=== Section Start ===

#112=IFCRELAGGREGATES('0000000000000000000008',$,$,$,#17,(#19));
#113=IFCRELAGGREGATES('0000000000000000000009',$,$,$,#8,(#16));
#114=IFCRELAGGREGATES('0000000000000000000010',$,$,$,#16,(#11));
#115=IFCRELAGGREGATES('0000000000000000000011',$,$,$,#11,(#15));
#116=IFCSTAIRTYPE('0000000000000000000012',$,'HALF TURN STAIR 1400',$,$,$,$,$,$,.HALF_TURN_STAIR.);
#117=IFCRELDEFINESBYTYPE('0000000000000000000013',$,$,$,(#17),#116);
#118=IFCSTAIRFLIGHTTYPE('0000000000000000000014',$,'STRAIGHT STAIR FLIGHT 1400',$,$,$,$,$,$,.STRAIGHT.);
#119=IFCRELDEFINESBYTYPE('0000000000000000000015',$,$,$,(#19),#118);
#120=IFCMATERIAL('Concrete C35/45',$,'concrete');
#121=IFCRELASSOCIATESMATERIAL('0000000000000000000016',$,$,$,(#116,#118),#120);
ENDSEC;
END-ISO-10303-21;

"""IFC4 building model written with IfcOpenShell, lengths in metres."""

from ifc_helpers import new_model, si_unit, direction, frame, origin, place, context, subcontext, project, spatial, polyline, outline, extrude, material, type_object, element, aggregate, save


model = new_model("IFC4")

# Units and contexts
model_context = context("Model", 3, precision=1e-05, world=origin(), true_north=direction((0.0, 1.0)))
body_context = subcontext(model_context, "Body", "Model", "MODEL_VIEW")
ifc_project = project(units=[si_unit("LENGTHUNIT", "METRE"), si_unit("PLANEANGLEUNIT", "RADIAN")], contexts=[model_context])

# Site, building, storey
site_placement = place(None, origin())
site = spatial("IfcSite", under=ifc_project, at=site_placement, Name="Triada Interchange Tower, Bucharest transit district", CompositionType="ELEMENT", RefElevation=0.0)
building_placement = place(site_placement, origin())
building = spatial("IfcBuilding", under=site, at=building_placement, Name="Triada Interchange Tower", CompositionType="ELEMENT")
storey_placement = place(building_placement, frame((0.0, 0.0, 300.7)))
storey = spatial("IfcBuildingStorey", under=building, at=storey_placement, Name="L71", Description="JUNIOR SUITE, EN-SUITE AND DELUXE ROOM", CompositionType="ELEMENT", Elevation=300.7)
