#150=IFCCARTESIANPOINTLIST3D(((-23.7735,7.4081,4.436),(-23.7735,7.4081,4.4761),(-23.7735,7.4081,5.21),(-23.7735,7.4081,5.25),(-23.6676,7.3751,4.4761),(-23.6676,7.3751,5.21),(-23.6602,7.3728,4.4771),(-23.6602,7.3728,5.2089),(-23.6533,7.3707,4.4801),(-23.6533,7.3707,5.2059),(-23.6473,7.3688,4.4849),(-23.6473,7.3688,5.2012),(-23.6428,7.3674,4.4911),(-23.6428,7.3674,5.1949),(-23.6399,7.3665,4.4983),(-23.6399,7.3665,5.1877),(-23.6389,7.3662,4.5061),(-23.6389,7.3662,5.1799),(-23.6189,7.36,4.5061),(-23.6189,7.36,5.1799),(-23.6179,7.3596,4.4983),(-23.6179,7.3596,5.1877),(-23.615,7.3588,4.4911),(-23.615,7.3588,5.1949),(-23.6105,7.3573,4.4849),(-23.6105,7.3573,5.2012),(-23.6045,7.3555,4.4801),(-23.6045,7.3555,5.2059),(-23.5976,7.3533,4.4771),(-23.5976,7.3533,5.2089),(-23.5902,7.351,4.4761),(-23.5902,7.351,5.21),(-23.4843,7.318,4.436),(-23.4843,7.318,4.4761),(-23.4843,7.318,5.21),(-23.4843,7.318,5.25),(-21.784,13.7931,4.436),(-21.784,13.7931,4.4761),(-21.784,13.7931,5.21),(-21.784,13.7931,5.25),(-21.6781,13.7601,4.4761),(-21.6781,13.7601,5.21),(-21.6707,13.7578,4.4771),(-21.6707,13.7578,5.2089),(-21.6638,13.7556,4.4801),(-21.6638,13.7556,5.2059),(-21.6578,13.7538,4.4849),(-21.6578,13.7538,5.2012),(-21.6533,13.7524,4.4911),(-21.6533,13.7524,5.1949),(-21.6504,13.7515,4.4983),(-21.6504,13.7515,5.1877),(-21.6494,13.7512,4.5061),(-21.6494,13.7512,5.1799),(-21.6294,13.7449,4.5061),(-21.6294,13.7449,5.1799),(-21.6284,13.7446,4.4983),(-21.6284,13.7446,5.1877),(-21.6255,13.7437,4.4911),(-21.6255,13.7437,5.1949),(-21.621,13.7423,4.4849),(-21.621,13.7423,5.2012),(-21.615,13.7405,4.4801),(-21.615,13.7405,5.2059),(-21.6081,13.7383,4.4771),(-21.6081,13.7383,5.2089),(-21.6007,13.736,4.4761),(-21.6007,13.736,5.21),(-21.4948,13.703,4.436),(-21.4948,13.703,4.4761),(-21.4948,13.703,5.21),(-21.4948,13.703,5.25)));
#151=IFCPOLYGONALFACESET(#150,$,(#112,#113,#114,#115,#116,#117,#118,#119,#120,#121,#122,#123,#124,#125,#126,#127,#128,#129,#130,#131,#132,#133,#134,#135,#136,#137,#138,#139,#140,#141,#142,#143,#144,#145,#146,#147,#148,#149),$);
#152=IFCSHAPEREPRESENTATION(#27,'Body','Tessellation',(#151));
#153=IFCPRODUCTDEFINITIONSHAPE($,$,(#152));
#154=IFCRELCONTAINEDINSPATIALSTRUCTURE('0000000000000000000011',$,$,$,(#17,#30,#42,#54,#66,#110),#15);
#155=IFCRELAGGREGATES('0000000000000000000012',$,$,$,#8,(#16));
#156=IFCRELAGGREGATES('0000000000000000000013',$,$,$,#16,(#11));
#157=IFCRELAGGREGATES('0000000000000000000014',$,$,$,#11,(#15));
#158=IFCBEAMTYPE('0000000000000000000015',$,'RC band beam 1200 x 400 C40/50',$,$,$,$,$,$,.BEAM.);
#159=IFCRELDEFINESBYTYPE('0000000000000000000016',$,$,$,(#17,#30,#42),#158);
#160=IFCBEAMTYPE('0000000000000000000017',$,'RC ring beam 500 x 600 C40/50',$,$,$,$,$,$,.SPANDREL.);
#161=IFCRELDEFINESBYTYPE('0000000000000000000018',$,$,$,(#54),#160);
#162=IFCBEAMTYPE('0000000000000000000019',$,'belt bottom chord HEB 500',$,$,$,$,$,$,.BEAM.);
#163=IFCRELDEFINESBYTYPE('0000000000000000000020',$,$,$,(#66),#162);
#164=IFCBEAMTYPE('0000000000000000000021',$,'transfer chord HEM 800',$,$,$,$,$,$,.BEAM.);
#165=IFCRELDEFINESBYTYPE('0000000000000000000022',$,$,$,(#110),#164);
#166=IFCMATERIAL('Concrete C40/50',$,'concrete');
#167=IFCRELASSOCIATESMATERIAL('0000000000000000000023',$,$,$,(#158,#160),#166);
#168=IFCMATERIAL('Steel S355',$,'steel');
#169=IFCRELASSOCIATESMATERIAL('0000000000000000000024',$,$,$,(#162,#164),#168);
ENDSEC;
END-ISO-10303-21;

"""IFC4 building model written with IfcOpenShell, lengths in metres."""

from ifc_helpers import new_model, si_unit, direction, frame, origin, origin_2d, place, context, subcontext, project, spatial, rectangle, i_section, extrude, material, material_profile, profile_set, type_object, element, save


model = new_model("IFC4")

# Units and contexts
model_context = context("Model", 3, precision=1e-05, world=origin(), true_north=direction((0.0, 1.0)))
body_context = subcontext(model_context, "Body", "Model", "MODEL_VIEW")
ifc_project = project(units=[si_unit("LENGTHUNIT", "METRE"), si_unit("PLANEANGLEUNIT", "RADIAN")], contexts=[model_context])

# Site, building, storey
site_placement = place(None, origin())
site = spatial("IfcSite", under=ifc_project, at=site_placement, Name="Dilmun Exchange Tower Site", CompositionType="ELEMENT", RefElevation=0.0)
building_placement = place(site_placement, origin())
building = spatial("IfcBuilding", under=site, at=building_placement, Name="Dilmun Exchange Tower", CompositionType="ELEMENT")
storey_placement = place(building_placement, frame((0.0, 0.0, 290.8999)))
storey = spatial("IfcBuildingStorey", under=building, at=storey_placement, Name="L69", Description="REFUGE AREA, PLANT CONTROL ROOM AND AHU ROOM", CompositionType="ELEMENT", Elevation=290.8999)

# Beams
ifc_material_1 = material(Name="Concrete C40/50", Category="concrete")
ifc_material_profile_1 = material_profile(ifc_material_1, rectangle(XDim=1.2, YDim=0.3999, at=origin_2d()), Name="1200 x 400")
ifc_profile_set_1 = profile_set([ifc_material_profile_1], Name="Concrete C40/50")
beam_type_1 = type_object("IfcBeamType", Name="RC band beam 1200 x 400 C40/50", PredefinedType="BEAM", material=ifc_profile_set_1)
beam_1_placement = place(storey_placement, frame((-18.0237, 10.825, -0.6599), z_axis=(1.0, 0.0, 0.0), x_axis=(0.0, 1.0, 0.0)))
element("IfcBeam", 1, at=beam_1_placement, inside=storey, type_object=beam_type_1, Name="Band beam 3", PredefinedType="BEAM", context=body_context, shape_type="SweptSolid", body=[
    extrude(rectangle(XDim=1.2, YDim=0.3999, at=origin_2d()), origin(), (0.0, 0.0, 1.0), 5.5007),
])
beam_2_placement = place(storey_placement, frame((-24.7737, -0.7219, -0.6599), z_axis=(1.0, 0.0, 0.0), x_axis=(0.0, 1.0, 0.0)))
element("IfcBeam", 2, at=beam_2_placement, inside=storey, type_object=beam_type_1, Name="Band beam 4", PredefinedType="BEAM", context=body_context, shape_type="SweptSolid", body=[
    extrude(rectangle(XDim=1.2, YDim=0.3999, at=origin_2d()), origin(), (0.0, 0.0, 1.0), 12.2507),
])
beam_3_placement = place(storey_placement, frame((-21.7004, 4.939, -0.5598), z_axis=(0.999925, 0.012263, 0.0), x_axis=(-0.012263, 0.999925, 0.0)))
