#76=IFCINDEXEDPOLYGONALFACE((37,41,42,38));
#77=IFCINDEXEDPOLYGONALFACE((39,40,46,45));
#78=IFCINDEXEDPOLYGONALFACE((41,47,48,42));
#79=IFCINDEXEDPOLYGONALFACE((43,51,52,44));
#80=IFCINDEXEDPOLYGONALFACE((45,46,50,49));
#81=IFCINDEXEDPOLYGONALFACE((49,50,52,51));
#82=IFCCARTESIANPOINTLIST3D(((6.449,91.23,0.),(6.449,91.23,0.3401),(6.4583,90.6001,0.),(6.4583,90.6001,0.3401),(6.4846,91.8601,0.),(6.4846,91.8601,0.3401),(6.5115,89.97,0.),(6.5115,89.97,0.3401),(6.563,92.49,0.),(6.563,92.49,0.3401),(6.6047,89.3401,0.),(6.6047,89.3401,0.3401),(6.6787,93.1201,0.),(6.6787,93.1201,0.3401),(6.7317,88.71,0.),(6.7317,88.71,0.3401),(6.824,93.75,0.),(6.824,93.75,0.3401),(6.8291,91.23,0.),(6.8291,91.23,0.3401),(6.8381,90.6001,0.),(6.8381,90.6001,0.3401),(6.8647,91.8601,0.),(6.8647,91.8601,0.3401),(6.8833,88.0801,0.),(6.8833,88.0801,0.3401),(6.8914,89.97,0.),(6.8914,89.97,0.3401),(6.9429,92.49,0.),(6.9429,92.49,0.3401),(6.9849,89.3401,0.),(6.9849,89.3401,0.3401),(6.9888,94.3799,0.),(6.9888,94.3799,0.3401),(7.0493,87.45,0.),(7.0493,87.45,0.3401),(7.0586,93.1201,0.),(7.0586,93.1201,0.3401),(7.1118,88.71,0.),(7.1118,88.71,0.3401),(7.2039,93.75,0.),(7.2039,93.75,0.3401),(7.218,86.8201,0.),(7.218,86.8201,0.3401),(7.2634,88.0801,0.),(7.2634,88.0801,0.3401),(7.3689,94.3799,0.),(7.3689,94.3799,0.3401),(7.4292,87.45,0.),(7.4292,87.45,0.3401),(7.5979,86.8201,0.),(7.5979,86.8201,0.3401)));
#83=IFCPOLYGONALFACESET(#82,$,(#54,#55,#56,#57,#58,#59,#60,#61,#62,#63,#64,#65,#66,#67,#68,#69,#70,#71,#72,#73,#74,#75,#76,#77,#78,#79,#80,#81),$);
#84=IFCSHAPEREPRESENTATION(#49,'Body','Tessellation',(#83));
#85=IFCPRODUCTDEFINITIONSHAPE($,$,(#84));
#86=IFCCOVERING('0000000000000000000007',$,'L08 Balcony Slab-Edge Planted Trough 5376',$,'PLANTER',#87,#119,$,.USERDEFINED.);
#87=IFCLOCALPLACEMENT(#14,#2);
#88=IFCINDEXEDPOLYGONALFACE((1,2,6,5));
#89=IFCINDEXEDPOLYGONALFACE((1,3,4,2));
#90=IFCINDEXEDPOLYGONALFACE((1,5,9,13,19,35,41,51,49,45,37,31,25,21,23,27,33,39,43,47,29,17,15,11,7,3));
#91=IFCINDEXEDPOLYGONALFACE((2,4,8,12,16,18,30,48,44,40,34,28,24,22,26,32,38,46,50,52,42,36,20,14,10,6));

=== Section End ===

Task: Begin at the line above that has "#79=IFCINDEXEDPOLYGONALFACE((43,51,52,44));" and stop after the line that has "#81=IFCINDEXEDPOLYGONALFACE((49,50,52,51));", copying each line exactly and adding nothing else.

Answer area:
#79=IFCINDEXEDPOLYGONALFACE((43,51,52,44));
#80=IFCINDEXEDPOLYGONALFACE((45,46,50,49));
#81=IFCINDEXEDPOLYGONALFACE((49,50,52,51));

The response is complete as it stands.